Data for this task
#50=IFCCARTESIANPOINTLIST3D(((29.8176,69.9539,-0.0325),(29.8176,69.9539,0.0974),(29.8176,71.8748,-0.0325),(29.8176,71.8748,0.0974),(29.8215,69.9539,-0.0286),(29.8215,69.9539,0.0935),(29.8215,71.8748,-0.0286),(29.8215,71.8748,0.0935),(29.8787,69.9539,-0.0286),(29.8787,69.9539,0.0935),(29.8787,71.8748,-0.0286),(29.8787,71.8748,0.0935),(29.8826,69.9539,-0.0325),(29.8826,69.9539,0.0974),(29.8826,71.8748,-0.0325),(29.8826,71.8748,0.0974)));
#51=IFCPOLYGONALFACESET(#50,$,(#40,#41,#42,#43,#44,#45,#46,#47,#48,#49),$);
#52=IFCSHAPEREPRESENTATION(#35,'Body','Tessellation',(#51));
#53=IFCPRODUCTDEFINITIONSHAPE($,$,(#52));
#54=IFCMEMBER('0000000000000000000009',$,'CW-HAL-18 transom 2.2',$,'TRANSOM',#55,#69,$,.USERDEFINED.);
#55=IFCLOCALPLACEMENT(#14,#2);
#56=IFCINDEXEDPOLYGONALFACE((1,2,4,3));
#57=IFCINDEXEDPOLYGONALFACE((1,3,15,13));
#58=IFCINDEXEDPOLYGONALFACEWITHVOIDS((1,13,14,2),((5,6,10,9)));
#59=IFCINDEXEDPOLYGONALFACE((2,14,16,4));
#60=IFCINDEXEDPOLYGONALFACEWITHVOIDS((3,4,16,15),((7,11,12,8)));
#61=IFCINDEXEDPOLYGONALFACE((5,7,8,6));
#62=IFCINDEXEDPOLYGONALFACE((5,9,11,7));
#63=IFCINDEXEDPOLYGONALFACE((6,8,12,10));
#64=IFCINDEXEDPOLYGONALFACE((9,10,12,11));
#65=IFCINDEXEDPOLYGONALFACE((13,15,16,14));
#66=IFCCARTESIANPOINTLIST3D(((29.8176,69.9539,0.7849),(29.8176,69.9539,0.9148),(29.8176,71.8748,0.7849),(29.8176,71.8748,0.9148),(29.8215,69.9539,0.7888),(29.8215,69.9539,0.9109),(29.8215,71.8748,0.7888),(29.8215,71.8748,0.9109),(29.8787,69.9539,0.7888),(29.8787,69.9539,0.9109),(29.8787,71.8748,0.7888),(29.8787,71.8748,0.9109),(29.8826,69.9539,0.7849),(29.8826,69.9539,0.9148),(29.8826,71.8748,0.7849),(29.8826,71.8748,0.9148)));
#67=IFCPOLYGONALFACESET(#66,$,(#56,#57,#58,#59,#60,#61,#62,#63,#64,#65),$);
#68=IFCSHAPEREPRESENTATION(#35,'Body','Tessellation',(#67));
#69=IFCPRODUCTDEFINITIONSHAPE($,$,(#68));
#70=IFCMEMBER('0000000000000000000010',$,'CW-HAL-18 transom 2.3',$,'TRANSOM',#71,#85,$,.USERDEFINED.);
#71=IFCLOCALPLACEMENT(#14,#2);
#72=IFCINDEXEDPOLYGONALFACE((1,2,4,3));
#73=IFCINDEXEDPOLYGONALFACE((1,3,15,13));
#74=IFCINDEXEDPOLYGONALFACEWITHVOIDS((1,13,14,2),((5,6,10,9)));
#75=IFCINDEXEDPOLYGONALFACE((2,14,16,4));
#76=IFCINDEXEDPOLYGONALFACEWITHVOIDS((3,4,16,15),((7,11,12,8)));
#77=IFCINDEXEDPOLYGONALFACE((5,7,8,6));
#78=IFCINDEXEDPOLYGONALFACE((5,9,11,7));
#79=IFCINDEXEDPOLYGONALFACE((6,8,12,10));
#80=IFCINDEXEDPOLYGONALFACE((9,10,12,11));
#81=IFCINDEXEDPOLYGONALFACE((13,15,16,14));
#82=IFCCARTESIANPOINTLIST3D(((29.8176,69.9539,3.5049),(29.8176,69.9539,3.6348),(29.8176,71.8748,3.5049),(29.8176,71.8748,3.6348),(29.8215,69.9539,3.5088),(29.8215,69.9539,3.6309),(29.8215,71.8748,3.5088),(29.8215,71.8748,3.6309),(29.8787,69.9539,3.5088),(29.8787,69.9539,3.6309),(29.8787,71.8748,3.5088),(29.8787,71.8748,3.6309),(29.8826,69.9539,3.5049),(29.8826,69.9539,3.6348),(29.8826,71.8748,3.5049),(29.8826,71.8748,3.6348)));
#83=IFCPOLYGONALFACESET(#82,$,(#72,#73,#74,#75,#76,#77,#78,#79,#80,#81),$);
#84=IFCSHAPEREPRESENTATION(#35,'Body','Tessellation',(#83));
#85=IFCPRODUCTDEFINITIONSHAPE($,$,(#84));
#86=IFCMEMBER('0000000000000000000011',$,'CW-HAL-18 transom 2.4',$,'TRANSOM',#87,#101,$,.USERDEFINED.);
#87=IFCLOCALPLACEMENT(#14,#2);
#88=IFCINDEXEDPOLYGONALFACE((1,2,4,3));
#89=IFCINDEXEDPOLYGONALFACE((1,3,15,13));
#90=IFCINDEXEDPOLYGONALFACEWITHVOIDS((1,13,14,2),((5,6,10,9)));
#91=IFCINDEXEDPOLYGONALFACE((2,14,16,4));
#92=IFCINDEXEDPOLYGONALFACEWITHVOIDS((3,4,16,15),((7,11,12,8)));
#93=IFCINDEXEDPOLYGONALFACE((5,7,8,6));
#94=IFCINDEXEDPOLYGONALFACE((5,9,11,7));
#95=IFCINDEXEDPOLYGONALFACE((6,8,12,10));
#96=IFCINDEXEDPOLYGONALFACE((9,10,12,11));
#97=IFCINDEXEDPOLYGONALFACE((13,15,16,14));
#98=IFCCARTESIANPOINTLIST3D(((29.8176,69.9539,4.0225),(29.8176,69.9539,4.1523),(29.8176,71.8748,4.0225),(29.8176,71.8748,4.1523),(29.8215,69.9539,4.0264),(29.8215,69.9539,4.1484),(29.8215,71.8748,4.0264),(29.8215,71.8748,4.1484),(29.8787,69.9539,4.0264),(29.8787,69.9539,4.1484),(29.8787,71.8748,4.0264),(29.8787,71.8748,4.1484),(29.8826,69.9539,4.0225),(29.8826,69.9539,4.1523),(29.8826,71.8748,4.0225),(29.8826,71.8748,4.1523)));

Work to be completed
Within the listing above, give again exactly every line from the line with "#59=IFCINDEXEDPOLYGONALFACE((2,14,16,4));" through the line with "#65=IFCINDEXEDPOLYGONALFACE((13,15,16,14));", both included, and no other line.

Answer box
#59=IFCINDEXEDPOLYGONALFACE((2,14,16,4));
#60=IFCINDEXEDPOLYGONALFACEWITHVOIDS((3,4,16,15),((7,11,12,8)));
#61=IFCINDEXEDPOLYGONALFACE((5,7,8,6));
#62=IFCINDEXEDPOLYGONALFACE((5,9,11,7));
#63=IFCINDEXEDPOLYGONALFACE((6,8,12,10));
#64=IFCINDEXEDPOLYGONALFACE((9,10,12,11));
#65=IFCINDEXEDPOLYGONALFACE((13,15,16,14));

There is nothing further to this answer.